**WHAT YOU ARE ASKED TO DO:** Reproduce, exactly and in full, only the lines below from the one containing "#138=IFCINDEXEDPOLYGONALFACE((53,57,59,55));" through the one containing "#145=IFCINDEXEDPOLYGONALFACE((67,71,72,68));".
#### INFORMATION PROVIDED ####
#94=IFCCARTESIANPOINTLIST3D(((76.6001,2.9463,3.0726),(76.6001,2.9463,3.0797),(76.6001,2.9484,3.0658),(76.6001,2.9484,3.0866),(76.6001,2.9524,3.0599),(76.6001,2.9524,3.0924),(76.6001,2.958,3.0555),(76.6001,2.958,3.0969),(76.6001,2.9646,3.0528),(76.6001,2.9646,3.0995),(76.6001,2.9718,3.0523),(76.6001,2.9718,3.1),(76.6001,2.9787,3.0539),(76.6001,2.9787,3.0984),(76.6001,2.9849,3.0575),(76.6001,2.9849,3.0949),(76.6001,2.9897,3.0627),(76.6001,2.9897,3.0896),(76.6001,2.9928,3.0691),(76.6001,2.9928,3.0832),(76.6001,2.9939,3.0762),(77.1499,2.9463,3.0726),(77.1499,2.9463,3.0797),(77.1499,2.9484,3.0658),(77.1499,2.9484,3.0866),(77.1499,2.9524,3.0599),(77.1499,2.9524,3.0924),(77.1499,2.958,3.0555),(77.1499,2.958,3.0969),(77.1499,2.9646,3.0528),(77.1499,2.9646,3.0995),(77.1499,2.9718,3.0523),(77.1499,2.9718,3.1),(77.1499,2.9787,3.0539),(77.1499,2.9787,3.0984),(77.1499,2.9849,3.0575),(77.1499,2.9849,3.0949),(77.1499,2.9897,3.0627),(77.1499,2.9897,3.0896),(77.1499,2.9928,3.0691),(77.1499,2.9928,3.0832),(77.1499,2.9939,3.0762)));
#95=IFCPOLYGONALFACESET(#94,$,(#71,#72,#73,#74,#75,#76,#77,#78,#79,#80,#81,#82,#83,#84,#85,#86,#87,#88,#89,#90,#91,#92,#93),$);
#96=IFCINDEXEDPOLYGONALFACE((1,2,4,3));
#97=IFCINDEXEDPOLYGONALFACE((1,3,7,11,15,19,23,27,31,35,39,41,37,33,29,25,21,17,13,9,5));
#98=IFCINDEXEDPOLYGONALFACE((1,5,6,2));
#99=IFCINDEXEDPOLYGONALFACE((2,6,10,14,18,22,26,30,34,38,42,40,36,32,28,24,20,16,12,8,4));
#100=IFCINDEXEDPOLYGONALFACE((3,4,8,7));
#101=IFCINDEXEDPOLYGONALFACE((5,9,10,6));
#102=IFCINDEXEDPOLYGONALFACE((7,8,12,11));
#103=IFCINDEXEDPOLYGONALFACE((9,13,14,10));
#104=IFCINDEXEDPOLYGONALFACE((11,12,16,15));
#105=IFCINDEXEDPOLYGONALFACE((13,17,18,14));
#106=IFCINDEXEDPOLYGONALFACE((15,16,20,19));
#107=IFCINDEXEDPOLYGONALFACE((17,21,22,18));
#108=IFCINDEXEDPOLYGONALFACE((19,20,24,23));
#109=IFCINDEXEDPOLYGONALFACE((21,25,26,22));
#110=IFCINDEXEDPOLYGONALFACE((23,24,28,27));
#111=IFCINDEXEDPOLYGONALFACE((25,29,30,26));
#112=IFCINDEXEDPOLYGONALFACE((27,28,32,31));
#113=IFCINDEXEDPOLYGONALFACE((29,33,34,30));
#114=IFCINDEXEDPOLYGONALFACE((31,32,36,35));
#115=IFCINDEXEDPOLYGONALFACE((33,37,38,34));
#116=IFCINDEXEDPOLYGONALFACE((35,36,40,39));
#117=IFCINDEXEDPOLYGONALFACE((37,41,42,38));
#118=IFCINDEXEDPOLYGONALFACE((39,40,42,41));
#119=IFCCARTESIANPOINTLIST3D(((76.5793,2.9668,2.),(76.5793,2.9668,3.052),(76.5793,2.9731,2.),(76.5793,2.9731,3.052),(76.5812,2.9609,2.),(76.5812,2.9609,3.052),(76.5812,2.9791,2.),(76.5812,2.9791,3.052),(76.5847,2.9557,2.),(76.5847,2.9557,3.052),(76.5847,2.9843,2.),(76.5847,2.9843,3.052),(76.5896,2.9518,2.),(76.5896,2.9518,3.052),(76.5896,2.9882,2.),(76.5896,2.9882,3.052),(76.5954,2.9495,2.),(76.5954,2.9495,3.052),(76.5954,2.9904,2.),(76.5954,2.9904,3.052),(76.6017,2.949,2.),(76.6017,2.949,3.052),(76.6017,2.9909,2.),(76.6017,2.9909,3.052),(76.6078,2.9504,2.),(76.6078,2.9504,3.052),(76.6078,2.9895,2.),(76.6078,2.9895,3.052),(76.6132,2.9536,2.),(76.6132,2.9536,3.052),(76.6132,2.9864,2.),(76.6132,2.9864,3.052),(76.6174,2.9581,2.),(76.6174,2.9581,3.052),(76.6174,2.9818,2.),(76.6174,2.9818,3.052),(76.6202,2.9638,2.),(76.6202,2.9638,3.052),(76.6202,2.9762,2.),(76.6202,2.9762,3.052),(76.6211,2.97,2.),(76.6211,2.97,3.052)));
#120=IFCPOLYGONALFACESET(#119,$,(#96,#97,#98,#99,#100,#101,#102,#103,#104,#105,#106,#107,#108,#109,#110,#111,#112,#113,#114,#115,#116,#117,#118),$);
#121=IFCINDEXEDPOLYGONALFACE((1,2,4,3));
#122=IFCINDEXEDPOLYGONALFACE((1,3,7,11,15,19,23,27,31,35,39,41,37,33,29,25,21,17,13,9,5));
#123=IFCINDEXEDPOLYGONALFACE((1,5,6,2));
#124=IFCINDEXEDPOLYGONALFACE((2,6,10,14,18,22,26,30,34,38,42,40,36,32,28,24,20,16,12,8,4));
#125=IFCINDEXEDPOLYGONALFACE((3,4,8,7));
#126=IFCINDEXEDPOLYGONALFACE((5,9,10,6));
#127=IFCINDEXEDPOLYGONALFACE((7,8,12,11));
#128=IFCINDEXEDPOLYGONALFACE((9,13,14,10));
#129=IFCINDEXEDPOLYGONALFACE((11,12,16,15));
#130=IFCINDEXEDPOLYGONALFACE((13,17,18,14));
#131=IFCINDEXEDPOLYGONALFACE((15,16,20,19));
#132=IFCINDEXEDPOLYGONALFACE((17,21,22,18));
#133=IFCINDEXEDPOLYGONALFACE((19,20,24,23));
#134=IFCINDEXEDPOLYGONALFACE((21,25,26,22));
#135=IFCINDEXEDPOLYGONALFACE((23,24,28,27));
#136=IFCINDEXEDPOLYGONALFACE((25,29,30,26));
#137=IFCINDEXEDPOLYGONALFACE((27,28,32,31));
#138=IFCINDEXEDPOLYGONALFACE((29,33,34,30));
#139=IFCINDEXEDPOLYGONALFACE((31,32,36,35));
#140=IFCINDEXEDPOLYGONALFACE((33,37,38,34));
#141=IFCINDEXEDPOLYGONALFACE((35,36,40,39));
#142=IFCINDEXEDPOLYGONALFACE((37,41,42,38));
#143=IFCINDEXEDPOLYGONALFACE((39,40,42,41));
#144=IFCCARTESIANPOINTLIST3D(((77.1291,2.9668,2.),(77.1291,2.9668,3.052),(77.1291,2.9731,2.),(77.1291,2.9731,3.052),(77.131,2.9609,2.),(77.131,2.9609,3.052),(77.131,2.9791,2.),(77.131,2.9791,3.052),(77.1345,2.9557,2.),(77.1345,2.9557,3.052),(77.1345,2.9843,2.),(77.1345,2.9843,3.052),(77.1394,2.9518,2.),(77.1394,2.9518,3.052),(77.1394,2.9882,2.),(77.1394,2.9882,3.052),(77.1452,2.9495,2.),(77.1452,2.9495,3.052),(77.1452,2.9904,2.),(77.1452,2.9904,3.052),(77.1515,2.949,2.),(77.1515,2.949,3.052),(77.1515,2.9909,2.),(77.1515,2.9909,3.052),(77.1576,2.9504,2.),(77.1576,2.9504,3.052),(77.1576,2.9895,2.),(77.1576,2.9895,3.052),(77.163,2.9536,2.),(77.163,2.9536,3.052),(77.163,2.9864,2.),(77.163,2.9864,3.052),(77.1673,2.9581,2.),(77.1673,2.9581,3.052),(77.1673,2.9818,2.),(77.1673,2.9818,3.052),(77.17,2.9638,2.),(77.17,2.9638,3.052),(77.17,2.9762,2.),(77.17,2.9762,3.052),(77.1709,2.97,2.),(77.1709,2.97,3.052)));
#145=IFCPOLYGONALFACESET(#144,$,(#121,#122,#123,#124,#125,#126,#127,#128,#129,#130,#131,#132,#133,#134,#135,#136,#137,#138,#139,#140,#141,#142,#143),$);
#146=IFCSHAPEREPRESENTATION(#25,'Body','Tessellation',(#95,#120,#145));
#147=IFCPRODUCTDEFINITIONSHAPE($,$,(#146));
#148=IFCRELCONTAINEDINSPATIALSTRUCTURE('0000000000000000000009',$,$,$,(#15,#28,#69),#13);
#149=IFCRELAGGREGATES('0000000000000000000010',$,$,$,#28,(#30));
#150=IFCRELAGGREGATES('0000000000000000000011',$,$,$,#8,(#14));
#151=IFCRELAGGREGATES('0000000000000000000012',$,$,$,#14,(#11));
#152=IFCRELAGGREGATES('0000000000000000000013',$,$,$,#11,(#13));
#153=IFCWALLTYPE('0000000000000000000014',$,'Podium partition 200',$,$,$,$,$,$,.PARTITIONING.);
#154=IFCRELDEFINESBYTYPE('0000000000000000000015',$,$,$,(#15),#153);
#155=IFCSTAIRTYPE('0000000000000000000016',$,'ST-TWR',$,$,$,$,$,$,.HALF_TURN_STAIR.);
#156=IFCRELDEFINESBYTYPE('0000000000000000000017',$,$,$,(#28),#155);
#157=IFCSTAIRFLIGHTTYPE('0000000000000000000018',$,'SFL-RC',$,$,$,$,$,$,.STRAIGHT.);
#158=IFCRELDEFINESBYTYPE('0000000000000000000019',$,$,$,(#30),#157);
####
#### INFORMATION PROVIDED ####
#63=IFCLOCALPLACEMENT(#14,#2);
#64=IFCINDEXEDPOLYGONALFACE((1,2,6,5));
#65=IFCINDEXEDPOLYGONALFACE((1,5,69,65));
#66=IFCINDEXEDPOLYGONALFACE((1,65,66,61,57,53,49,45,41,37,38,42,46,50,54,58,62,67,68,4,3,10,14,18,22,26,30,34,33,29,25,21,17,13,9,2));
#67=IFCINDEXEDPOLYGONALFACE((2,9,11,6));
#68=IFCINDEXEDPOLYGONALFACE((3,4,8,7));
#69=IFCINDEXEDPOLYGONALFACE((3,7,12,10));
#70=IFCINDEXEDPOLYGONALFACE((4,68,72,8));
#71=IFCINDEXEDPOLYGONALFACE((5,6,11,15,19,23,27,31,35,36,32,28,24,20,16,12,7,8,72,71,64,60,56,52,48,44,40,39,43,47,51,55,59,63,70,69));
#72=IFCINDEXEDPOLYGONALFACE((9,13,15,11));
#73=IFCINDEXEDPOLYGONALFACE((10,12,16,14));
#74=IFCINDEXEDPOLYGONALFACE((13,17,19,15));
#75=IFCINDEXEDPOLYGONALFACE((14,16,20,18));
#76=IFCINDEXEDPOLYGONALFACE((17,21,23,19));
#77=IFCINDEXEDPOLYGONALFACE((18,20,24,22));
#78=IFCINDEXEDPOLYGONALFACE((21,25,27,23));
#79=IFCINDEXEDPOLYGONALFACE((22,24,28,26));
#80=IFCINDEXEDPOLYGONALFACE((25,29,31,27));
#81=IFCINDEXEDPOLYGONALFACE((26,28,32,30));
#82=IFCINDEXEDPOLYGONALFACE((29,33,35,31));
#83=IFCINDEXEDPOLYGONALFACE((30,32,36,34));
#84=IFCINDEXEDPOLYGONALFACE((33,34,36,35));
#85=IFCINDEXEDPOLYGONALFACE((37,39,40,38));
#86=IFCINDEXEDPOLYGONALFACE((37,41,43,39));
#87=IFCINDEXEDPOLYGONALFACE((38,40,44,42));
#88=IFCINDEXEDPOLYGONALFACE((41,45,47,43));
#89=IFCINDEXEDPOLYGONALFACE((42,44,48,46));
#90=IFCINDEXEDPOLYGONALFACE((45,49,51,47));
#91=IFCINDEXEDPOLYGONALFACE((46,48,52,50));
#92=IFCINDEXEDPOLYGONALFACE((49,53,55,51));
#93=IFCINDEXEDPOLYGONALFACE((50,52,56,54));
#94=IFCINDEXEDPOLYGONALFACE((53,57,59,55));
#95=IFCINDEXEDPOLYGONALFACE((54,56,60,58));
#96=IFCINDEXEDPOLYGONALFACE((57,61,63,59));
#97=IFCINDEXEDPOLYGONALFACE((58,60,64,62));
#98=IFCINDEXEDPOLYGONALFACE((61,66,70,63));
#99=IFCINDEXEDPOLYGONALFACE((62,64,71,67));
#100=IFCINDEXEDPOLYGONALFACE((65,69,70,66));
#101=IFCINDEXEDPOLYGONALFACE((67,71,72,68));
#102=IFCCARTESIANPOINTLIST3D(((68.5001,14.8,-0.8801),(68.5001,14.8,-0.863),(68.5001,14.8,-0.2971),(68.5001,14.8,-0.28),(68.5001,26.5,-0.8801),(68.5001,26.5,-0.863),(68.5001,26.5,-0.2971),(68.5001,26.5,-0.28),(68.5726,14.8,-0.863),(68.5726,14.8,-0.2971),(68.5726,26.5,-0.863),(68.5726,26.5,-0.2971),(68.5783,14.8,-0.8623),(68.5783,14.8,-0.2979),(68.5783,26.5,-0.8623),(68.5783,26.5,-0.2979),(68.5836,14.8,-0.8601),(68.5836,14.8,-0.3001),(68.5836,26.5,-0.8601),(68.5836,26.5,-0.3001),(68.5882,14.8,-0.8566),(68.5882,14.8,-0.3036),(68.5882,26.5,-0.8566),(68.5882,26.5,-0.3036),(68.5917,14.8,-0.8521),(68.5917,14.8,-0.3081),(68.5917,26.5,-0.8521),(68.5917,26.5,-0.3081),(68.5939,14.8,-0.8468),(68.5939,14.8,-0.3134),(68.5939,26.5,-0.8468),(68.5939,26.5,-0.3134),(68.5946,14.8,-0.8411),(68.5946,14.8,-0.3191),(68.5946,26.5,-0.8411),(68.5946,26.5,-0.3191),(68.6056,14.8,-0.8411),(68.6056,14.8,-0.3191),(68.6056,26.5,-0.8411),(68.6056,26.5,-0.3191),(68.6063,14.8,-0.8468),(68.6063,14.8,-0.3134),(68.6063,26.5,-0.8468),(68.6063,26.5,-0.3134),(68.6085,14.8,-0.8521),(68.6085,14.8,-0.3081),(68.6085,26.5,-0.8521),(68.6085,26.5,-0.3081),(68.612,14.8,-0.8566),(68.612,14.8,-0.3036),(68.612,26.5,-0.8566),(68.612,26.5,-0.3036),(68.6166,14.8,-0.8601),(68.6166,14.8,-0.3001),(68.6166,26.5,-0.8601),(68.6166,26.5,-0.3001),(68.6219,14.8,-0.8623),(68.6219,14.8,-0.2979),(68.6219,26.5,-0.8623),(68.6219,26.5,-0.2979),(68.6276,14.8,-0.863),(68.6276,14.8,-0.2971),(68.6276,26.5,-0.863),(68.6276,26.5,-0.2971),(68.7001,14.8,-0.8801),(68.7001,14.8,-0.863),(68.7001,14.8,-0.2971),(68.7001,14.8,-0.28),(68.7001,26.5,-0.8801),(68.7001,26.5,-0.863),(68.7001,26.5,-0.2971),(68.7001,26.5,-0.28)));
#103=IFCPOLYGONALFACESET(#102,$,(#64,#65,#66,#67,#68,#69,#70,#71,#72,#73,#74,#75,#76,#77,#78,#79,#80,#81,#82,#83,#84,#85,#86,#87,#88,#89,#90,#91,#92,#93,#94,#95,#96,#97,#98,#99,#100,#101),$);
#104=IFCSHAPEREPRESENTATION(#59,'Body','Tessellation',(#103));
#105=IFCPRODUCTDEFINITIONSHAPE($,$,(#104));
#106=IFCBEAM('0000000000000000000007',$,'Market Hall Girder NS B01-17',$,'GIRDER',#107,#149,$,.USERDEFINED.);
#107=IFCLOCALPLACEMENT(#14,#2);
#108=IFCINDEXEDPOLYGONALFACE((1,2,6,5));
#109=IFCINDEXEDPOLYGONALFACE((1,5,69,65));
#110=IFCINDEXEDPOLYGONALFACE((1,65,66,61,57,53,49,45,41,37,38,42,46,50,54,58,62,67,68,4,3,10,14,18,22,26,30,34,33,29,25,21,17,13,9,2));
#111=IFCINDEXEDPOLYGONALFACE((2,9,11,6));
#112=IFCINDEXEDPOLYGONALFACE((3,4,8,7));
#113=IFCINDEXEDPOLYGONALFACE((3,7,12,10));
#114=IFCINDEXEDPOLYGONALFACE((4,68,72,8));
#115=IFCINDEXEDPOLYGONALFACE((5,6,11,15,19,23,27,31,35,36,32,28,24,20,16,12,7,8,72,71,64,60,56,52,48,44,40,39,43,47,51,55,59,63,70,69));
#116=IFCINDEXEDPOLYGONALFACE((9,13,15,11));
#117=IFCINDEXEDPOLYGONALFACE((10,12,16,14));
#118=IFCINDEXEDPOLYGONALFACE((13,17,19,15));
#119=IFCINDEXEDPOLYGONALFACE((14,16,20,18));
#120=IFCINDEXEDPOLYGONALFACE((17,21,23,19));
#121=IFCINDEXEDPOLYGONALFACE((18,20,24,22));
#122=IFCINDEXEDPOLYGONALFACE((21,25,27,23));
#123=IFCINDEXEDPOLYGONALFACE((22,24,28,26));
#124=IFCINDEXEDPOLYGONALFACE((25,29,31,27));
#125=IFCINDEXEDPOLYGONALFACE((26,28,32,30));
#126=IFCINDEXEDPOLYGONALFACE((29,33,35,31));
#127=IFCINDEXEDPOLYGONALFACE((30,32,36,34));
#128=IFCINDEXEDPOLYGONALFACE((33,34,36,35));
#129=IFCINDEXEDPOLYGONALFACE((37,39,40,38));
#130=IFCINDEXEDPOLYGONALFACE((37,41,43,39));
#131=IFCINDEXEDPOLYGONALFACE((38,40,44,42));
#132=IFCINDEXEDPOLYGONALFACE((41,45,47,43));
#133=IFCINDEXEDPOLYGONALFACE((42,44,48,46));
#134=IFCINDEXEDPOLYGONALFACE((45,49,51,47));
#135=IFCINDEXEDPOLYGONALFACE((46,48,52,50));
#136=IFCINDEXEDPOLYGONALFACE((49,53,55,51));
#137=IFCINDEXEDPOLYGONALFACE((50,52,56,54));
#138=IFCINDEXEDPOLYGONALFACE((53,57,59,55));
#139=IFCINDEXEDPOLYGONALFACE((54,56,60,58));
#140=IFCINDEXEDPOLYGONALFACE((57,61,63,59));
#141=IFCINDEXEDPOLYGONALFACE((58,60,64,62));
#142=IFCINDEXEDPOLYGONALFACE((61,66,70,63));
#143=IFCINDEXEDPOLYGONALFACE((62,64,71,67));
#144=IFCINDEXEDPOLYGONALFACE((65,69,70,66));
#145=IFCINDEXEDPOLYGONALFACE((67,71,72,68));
####
**SOLUTION TO THIS TASK:**
#138=IFCINDEXEDPOLYGONALFACE((53,57,59,55));
#139=IFCINDEXEDPOLYGONALFACE((54,56,60,58));
#140=IFCINDEXEDPOLYGONALFACE((57,61,63,59));
#141=IFCINDEXEDPOLYGONALFACE((58,60,64,62));
#142=IFCINDEXEDPOLYGONALFACE((61,66,70,63));
#143=IFCINDEXEDPOLYGONALFACE((62,64,71,67));
#144=IFCINDEXEDPOLYGONALFACE((65,69,70,66));
#145=IFCINDEXEDPOLYGONALFACE((67,71,72,68));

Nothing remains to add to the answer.